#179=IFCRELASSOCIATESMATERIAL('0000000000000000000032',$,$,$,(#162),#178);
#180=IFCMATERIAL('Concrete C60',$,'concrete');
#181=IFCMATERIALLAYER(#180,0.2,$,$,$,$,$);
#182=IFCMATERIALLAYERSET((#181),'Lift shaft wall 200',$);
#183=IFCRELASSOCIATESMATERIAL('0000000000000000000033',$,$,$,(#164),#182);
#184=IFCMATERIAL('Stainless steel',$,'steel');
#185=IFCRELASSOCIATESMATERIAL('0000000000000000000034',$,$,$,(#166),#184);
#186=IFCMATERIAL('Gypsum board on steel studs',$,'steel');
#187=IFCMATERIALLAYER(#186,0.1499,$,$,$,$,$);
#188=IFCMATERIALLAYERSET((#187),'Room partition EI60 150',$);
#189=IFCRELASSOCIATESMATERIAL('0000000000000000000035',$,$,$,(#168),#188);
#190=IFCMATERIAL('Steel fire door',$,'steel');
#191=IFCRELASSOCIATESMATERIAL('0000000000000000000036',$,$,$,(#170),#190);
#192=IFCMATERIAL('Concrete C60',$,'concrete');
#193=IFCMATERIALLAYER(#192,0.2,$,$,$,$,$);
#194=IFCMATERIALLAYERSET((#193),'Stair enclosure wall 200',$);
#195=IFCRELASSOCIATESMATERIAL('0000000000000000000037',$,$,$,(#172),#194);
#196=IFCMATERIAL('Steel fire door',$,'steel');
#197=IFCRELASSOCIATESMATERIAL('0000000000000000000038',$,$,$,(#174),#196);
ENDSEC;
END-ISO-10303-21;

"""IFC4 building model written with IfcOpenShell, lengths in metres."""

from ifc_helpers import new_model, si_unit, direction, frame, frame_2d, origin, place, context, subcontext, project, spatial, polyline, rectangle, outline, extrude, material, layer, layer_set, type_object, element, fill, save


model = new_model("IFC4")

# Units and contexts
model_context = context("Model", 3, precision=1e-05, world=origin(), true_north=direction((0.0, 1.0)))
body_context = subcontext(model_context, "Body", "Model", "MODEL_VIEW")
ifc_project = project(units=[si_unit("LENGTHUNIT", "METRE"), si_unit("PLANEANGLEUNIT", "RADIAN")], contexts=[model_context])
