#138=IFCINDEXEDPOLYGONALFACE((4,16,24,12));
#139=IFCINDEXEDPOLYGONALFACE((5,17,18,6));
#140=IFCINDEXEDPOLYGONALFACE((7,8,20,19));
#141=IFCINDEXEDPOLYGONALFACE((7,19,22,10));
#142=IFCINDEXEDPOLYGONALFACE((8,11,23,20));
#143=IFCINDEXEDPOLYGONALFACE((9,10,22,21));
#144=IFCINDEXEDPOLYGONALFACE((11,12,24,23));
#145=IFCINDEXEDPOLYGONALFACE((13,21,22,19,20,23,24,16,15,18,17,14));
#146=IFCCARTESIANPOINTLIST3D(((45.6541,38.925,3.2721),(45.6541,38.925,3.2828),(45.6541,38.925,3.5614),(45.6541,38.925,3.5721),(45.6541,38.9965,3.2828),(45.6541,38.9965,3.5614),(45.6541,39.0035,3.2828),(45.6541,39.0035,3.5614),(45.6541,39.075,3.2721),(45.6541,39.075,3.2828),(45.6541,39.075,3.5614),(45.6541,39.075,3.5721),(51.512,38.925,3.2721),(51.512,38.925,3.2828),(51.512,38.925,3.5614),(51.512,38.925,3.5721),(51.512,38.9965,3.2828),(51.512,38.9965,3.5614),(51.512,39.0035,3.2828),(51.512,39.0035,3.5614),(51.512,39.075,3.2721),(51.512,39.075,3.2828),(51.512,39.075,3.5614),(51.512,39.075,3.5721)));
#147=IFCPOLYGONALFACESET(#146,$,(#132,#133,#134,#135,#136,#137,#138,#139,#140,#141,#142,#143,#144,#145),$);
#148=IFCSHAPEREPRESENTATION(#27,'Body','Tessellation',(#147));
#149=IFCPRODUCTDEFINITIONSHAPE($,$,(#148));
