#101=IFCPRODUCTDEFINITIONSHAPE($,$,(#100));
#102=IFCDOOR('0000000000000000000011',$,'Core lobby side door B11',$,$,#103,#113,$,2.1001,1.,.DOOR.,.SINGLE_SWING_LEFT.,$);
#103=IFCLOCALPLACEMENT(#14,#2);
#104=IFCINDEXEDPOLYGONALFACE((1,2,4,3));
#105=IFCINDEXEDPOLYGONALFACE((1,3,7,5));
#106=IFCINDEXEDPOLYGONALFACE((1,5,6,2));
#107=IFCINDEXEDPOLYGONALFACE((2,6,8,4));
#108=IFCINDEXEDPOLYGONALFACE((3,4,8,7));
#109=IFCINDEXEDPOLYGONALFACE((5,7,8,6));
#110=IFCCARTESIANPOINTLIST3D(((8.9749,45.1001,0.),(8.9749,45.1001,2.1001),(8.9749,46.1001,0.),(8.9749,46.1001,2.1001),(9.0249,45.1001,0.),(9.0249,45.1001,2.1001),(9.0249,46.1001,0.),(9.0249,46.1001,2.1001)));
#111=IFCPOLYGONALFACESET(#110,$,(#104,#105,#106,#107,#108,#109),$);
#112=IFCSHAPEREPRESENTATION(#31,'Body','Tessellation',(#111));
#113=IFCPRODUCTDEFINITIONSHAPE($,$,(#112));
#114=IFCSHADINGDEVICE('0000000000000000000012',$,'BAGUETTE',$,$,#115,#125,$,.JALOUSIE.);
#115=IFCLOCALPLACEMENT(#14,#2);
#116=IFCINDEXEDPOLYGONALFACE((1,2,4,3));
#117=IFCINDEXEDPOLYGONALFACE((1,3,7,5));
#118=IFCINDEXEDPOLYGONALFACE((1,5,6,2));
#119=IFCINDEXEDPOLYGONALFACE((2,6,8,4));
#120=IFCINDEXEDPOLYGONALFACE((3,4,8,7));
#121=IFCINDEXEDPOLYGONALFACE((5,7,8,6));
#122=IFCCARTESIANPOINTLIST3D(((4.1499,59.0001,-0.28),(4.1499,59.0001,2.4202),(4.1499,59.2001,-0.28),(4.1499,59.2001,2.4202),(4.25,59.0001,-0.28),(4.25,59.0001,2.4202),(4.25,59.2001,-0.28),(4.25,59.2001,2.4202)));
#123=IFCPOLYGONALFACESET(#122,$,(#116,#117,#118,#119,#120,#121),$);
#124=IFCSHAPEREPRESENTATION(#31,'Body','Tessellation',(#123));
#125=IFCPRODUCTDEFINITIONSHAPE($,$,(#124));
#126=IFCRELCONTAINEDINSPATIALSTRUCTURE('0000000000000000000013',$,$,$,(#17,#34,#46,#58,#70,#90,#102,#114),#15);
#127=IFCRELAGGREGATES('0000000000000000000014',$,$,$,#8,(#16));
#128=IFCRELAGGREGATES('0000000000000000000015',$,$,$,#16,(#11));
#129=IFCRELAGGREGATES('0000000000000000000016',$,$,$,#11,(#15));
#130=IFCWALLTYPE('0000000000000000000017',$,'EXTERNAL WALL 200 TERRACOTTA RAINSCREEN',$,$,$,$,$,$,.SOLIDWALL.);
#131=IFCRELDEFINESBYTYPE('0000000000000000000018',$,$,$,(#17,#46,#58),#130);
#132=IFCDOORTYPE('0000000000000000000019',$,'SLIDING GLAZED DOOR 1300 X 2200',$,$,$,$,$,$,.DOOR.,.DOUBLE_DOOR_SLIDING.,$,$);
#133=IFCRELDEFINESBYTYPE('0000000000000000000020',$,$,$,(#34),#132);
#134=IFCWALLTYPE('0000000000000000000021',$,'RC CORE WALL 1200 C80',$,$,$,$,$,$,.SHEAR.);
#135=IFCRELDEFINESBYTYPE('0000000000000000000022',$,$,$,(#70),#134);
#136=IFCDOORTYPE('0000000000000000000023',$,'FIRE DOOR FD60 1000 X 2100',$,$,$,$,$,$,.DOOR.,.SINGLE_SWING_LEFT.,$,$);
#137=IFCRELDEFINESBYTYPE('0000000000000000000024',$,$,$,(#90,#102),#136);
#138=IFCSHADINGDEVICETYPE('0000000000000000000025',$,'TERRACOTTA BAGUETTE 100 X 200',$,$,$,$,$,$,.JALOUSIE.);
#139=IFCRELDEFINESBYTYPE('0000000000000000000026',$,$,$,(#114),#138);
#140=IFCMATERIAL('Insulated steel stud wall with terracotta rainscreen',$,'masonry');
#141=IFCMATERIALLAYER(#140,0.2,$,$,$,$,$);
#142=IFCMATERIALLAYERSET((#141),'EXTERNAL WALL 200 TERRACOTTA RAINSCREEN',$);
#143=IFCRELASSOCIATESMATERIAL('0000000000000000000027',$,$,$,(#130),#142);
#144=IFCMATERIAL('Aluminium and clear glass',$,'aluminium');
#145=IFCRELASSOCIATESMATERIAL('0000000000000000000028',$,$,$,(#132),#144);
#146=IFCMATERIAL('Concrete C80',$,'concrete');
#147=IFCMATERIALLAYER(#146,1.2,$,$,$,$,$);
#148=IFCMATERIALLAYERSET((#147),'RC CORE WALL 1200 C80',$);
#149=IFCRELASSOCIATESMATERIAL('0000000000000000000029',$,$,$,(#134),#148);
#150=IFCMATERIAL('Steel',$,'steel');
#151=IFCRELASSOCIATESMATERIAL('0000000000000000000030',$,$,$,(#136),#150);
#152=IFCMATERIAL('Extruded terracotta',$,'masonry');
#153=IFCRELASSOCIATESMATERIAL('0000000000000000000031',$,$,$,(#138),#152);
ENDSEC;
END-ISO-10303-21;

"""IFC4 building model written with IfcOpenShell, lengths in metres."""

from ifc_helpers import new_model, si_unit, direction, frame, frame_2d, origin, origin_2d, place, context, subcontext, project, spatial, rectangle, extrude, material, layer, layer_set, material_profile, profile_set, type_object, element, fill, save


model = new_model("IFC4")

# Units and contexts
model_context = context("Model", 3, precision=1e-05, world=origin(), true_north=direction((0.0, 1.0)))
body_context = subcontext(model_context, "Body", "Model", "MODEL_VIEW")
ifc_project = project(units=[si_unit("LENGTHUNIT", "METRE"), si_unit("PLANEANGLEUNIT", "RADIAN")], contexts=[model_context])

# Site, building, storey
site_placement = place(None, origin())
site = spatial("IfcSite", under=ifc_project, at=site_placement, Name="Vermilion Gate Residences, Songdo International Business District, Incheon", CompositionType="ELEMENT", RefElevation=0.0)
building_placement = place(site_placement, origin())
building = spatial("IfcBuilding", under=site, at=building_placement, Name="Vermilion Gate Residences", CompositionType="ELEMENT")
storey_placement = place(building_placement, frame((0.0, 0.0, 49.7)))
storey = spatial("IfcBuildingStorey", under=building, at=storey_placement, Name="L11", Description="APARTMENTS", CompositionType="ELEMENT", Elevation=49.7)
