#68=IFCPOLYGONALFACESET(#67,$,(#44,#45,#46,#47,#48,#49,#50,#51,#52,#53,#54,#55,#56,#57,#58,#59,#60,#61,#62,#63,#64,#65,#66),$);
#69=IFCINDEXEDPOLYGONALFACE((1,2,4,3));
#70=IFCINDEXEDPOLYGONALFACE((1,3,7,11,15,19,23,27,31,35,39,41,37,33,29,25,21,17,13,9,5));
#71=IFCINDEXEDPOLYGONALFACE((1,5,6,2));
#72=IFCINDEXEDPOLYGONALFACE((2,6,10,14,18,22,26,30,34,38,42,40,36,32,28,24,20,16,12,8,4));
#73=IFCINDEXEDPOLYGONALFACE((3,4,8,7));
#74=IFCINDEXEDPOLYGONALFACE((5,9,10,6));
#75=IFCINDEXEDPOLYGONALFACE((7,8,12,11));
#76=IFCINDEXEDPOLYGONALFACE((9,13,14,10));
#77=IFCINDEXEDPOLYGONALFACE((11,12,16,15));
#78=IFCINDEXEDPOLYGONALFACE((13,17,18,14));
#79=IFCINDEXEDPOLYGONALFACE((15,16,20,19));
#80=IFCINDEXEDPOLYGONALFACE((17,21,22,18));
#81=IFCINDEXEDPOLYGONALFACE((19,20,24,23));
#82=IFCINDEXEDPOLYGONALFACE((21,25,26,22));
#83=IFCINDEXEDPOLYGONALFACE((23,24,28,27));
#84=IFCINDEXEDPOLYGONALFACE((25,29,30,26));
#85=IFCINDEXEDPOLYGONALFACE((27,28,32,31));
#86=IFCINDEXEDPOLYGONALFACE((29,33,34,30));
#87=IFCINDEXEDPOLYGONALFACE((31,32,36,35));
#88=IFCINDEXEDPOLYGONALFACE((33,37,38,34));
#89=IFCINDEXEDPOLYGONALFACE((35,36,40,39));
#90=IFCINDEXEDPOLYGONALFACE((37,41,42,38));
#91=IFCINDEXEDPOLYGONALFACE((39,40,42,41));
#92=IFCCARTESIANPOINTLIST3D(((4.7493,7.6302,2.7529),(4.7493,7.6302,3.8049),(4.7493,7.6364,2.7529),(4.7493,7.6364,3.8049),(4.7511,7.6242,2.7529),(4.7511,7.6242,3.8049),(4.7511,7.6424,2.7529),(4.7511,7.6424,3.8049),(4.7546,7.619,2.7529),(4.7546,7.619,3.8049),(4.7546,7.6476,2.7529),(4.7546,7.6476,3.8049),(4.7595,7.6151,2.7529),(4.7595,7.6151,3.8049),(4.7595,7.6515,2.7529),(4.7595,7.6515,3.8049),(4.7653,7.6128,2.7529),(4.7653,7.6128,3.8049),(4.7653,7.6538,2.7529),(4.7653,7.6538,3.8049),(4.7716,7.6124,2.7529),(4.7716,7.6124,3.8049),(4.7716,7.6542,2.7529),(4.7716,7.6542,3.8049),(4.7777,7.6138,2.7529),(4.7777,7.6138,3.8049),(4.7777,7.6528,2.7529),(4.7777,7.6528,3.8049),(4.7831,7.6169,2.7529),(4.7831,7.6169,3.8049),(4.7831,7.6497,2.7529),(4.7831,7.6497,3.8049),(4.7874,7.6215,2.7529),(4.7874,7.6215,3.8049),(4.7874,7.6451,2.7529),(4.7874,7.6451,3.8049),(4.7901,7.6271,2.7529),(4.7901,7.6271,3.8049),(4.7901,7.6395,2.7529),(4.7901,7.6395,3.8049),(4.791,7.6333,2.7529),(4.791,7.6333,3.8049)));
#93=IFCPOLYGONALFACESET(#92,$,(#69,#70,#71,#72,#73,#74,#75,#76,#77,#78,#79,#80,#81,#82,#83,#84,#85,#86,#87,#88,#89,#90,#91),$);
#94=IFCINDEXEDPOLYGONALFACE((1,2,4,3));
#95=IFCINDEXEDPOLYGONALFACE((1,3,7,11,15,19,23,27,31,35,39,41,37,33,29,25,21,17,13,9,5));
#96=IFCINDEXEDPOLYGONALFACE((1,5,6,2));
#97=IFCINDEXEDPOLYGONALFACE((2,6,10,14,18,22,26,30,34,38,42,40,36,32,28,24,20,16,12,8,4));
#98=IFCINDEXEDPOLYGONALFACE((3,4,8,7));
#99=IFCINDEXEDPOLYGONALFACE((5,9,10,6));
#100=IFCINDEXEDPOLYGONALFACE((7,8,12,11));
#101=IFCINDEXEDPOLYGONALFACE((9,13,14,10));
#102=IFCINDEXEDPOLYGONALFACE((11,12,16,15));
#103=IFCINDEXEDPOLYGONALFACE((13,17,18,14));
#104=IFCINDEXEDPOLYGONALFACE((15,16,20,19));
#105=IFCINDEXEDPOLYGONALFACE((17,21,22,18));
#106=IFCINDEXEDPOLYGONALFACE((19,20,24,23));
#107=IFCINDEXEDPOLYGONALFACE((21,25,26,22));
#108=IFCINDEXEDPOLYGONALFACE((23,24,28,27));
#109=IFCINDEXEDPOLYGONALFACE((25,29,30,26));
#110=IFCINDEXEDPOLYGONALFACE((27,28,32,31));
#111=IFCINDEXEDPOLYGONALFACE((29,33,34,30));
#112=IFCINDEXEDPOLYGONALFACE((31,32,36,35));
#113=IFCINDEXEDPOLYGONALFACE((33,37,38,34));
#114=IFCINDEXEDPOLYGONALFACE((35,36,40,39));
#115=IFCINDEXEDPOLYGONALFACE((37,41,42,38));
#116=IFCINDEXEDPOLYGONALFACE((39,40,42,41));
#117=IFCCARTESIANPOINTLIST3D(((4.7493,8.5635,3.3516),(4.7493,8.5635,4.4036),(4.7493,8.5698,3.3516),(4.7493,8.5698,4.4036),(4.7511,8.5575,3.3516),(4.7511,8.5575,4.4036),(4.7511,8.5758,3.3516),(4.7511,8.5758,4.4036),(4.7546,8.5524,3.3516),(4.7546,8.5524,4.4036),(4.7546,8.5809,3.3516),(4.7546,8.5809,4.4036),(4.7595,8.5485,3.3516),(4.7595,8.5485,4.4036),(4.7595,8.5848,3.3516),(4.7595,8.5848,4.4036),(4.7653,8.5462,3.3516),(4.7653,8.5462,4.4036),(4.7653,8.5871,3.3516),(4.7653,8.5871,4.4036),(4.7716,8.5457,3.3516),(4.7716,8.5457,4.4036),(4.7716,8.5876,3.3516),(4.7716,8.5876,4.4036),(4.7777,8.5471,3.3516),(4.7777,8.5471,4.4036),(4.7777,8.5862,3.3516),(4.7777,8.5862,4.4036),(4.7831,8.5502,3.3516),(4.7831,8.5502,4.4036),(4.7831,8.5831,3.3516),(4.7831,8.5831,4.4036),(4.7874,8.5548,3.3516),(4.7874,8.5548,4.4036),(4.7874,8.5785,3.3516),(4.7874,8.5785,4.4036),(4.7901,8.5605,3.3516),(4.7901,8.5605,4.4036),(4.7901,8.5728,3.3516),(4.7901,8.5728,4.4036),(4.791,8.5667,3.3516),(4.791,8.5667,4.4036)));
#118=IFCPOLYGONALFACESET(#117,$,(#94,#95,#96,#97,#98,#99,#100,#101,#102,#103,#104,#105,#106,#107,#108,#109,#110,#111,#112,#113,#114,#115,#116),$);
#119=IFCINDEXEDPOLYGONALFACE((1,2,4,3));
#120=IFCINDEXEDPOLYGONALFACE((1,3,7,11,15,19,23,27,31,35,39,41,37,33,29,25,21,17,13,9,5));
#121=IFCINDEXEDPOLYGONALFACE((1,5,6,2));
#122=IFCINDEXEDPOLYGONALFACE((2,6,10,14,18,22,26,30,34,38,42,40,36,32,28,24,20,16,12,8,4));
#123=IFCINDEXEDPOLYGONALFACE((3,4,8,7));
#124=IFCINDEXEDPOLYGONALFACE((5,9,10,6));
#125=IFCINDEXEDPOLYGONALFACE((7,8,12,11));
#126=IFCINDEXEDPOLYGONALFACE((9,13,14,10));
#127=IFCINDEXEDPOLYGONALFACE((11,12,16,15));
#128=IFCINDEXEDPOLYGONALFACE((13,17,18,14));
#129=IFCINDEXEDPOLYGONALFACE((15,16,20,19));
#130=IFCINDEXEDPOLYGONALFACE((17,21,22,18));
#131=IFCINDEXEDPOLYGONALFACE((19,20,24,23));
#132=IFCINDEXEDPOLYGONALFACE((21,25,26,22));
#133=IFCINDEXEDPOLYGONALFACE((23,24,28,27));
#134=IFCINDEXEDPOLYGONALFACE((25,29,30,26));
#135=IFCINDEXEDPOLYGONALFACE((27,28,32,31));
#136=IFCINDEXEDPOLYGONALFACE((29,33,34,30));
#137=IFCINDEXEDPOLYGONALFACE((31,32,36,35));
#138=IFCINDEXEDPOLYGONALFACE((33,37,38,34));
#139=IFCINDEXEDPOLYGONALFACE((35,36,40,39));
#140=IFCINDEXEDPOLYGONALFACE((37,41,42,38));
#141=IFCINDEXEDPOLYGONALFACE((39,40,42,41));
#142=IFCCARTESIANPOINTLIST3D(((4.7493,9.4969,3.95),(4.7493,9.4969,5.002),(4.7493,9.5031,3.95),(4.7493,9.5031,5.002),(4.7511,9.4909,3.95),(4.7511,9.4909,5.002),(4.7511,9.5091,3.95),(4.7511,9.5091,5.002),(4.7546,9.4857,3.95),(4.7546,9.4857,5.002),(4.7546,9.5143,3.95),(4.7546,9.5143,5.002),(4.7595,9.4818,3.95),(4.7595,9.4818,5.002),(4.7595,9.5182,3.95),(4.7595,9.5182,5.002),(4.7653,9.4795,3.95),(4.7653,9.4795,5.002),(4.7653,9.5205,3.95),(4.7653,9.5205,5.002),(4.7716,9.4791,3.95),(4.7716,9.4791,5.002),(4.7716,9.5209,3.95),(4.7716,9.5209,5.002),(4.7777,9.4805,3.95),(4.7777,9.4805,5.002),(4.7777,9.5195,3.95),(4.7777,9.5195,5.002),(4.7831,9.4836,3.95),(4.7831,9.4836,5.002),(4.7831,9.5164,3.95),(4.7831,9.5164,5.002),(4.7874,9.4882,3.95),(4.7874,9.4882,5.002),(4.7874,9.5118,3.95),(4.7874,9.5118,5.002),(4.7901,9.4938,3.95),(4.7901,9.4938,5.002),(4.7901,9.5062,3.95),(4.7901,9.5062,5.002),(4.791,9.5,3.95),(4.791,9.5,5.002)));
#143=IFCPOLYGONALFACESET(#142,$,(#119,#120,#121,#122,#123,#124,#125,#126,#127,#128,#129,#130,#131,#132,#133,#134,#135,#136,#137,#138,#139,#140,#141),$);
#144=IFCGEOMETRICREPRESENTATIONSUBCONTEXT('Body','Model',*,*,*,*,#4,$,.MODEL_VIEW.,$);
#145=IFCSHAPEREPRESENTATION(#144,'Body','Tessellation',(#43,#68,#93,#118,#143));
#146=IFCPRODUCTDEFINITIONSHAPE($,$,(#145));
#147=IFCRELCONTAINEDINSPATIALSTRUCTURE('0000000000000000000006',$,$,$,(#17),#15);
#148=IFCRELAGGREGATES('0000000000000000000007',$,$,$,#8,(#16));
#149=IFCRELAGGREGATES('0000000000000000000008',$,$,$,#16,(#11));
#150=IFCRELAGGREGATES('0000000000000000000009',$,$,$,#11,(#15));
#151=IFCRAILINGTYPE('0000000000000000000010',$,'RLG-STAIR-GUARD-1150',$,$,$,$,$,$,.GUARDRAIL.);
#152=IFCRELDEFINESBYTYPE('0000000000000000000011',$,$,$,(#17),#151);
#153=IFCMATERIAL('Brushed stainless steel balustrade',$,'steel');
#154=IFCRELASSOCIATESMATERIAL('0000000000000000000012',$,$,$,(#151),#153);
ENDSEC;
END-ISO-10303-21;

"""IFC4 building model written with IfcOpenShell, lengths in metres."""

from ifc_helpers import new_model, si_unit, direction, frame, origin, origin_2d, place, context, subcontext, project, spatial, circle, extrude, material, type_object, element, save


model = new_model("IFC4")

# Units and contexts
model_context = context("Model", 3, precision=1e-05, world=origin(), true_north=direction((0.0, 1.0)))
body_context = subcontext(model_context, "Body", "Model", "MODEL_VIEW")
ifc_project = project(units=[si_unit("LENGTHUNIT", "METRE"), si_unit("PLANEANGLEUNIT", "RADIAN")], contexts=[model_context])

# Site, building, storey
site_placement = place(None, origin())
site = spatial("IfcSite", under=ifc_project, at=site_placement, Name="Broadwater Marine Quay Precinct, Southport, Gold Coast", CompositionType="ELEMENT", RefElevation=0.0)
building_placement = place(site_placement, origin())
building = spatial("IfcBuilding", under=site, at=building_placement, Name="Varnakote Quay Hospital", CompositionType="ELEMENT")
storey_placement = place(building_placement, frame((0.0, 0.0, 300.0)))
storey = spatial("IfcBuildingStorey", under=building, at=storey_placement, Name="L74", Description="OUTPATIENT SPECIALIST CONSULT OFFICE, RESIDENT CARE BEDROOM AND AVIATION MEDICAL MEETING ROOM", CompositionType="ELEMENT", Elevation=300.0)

==*==

> Task brief: Only lines that contain the string "IFCLOCALPLACEMENT" count; pick each one out of the records and copy it.

> The completed task:
#103=IFCLOCALPLACEMENT(#14,#2);
#115=IFCLOCALPLACEMENT(#14,#2);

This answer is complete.